Reproduce each entry below verbatim.

Segment Start: Material to process

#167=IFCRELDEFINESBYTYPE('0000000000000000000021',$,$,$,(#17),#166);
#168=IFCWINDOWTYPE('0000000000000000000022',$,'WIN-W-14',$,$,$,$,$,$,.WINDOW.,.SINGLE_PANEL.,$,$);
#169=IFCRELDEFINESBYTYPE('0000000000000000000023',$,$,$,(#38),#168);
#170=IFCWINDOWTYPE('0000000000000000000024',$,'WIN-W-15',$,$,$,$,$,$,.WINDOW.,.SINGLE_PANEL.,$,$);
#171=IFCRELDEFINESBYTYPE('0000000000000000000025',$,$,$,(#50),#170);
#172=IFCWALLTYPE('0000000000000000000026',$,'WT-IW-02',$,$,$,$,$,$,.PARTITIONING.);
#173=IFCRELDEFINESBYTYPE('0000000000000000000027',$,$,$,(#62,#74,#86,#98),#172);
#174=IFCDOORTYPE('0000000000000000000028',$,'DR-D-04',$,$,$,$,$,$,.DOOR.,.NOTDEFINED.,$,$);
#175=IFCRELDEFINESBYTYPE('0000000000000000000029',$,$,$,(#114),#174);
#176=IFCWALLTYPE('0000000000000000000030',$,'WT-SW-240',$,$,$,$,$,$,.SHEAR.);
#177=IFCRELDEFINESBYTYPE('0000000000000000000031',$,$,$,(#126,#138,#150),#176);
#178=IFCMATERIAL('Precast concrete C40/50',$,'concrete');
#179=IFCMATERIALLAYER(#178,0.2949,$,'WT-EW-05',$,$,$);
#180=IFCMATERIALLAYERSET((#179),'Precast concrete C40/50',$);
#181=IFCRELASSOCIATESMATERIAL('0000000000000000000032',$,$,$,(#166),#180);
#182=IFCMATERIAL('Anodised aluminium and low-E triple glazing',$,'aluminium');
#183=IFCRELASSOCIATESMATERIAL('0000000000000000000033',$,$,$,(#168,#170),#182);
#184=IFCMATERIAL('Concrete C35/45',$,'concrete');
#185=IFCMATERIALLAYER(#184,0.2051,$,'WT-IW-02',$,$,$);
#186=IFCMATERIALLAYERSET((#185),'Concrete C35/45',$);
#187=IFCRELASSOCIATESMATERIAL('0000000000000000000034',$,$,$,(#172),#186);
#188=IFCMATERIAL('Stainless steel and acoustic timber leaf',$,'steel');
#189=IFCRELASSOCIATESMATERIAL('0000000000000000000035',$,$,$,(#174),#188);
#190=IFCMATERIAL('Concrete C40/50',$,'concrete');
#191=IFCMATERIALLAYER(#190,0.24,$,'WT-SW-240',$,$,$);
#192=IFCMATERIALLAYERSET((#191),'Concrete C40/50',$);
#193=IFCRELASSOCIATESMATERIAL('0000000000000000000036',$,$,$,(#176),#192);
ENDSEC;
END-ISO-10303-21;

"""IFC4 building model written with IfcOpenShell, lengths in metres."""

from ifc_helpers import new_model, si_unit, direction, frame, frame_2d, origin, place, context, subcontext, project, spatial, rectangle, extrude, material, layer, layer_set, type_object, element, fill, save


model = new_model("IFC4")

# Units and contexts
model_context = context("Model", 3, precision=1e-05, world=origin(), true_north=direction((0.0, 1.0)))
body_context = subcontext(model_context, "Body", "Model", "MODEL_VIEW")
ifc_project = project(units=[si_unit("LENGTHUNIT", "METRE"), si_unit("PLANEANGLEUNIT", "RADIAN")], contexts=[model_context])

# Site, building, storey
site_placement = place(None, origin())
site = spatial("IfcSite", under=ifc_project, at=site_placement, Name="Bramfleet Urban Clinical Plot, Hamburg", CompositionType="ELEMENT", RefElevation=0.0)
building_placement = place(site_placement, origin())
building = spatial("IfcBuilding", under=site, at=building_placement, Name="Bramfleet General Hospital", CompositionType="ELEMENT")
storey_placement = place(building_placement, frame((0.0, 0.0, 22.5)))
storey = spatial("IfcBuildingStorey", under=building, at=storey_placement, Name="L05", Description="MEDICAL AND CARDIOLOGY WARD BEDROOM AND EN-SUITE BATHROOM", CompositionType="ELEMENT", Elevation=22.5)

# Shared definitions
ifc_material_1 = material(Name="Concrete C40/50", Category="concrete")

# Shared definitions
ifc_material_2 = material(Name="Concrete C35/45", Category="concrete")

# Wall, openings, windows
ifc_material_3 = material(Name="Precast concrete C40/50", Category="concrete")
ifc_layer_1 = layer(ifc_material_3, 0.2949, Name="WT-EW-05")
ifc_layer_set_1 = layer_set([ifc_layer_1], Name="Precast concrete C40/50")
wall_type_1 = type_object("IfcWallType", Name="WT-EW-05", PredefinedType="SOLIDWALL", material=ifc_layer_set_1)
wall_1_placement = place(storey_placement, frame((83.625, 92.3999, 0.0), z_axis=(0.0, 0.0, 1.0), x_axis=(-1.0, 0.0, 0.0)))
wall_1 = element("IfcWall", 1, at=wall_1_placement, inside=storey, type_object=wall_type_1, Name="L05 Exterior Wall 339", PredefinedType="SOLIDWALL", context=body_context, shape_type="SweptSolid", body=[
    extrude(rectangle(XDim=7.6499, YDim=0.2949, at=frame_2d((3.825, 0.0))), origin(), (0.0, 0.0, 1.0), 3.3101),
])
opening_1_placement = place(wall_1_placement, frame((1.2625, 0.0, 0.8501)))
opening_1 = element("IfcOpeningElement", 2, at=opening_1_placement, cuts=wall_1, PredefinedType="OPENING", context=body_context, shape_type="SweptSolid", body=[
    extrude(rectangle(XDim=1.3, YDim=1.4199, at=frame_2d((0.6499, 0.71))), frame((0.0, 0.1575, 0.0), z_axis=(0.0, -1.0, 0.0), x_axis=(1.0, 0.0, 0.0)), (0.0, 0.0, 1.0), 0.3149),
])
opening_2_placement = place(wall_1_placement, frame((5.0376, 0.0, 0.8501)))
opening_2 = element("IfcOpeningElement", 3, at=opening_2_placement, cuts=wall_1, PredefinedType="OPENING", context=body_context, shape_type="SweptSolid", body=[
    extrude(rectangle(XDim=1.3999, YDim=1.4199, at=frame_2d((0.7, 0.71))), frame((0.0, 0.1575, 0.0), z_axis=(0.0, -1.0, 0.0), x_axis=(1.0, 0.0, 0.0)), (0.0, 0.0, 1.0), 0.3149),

Segment End: Material to process

» Answer to this problem
#167=IFCRELDEFINESBYTYPE('0000000000000000000021',$,$,$,(#17),#166);
#168=IFCWINDOWTYPE('0000000000000000000022',$,'WIN-W-14',$,$,$,$,$,$,.WINDOW.,.SINGLE_PANEL.,$,$);
#169=IFCRELDEFINESBYTYPE('0000000000000000000023',$,$,$,(#38),#168);
#170=IFCWINDOWTYPE('0000000000000000000024',$,'WIN-W-15',$,$,$,$,$,$,.WINDOW.,.SINGLE_PANEL.,$,$);
#171=IFCRELDEFINESBYTYPE('0000000000000000000025',$,$,$,(#50),#170);
#172=IFCWALLTYPE('0000000000000000000026',$,'WT-IW-02',$,$,$,$,$,$,.PARTITIONING.);
#173=IFCRELDEFINESBYTYPE('0000000000000000000027',$,$,$,(#62,#74,#86,#98),#172);
#174=IFCDOORTYPE('0000000000000000000028',$,'DR-D-04',$,$,$,$,$,$,.DOOR.,.NOTDEFINED.,$,$);
#175=IFCRELDEFINESBYTYPE('0000000000000000000029',$,$,$,(#114),#174);
#176=IFCWALLTYPE('0000000000000000000030',$,'WT-SW-240',$,$,$,$,$,$,.SHEAR.);
#177=IFCRELDEFINESBYTYPE('0000000000000000000031',$,$,$,(#126,#138,#150),#176);
#178=IFCMATERIAL('Precast concrete C40/50',$,'concrete');
#179=IFCMATERIALLAYER(#178,0.2949,$,'WT-EW-05',$,$,$);
#180=IFCMATERIALLAYERSET((#179),'Precast concrete C40/50',$);
#181=IFCRELASSOCIATESMATERIAL('0000000000000000000032',$,$,$,(#166),#180);
#182=IFCMATERIAL('Anodised aluminium and low-E triple glazing',$,'aluminium');
#183=IFCRELASSOCIATESMATERIAL('0000000000000000000033',$,$,$,(#168,#170),#182);
#184=IFCMATERIAL('Concrete C35/45',$,'concrete');
#185=IFCMATERIALLAYER(#184,0.2051,$,'WT-IW-02',$,$,$);
#186=IFCMATERIALLAYERSET((#185),'Concrete C35/45',$);
#187=IFCRELASSOCIATESMATERIAL('0000000000000000000034',$,$,$,(#172),#186);
#188=IFCMATERIAL('Stainless steel and acoustic timber leaf',$,'steel');
#189=IFCRELASSOCIATESMATERIAL('0000000000000000000035',$,$,$,(#174),#188);
#190=IFCMATERIAL('Concrete C40/50',$,'concrete');
#191=IFCMATERIALLAYER(#190,0.24,$,'WT-SW-240',$,$,$);
#192=IFCMATERIALLAYERSET((#191),'Concrete C40/50',$);
#193=IFCRELASSOCIATESMATERIAL('0000000000000000000036',$,$,$,(#176),#192);
ENDSEC;
END-ISO-10303-21;

"""IFC4 building model written with IfcOpenShell, lengths in metres."""

from ifc_helpers import new_model, si_unit, direction, frame, frame_2d, origin, place, context, subcontext, project, spatial, rectangle, extrude, material, layer, layer_set, type_object, element, fill, save


model = new_model("IFC4")

# Units and contexts
model_context = context("Model", 3, precision=1e-05, world=origin(), true_north=direction((0.0, 1.0)))
body_context = subcontext(model_context, "Body", "Model", "MODEL_VIEW")
ifc_project = project(units=[si_unit("LENGTHUNIT", "METRE"), si_unit("PLANEANGLEUNIT", "RADIAN")], contexts=[model_context])

# Site, building, storey
site_placement = place(None, origin())
site = spatial("IfcSite", under=ifc_project, at=site_placement, Name="Bramfleet Urban Clinical Plot, Hamburg", CompositionType="ELEMENT", RefElevation=0.0)
building_placement = place(site_placement, origin())
building = spatial("IfcBuilding", under=site, at=building_placement, Name="Bramfleet General Hospital", CompositionType="ELEMENT")
storey_placement = place(building_placement, frame((0.0, 0.0, 22.5)))
storey = spatial("IfcBuildingStorey", under=building, at=storey_placement, Name="L05", Description="MEDICAL AND CARDIOLOGY WARD BEDROOM AND EN-SUITE BATHROOM", CompositionType="ELEMENT", Elevation=22.5)

# Shared definitions
ifc_material_1 = material(Name="Concrete C40/50", Category="concrete")

# Shared definitions
ifc_material_2 = material(Name="Concrete C35/45", Category="concrete")

# Wall, openings, windows
ifc_material_3 = material(Name="Precast concrete C40/50", Category="concrete")
ifc_layer_1 = layer(ifc_material_3, 0.2949, Name="WT-EW-05")
ifc_layer_set_1 = layer_set([ifc_layer_1], Name="Precast concrete C40/50")
wall_type_1 = type_object("IfcWallType", Name="WT-EW-05", PredefinedType="SOLIDWALL", material=ifc_layer_set_1)
wall_1_placement = place(storey_placement, frame((83.625, 92.3999, 0.0), z_axis=(0.0, 0.0, 1.0), x_axis=(-1.0, 0.0, 0.0)))
wall_1 = element("IfcWall", 1, at=wall_1_placement, inside=storey, type_object=wall_type_1, Name="L05 Exterior Wall 339", PredefinedType="SOLIDWALL", context=body_context, shape_type="SweptSolid", body=[
    extrude(rectangle(XDim=7.6499, YDim=0.2949, at=frame_2d((3.825, 0.0))), origin(), (0.0, 0.0, 1.0), 3.3101),
])
opening_1_placement = place(wall_1_placement, frame((1.2625, 0.0, 0.8501)))
opening_1 = element("IfcOpeningElement", 2, at=opening_1_placement, cuts=wall_1, PredefinedType="OPENING", context=body_context, shape_type="SweptSolid", body=[
    extrude(rectangle(XDim=1.3, YDim=1.4199, at=frame_2d((0.6499, 0.71))), frame((0.0, 0.1575, 0.0), z_axis=(0.0, -1.0, 0.0), x_axis=(1.0, 0.0, 0.0)), (0.0, 0.0, 1.0), 0.3149),
])
opening_2_placement = place(wall_1_placement, frame((5.0376, 0.0, 0.8501)))
opening_2 = element("IfcOpeningElement", 3, at=opening_2_placement, cuts=wall_1, PredefinedType="OPENING", context=body_context, shape_type="SweptSolid", body=[
    extrude(rectangle(XDim=1.3999, YDim=1.4199, at=frame_2d((0.7, 0.71))), frame((0.0, 0.1575, 0.0), z_axis=(0.0, -1.0, 0.0), x_axis=(1.0, 0.0, 0.0)), (0.0, 0.0, 1.0), 0.3149),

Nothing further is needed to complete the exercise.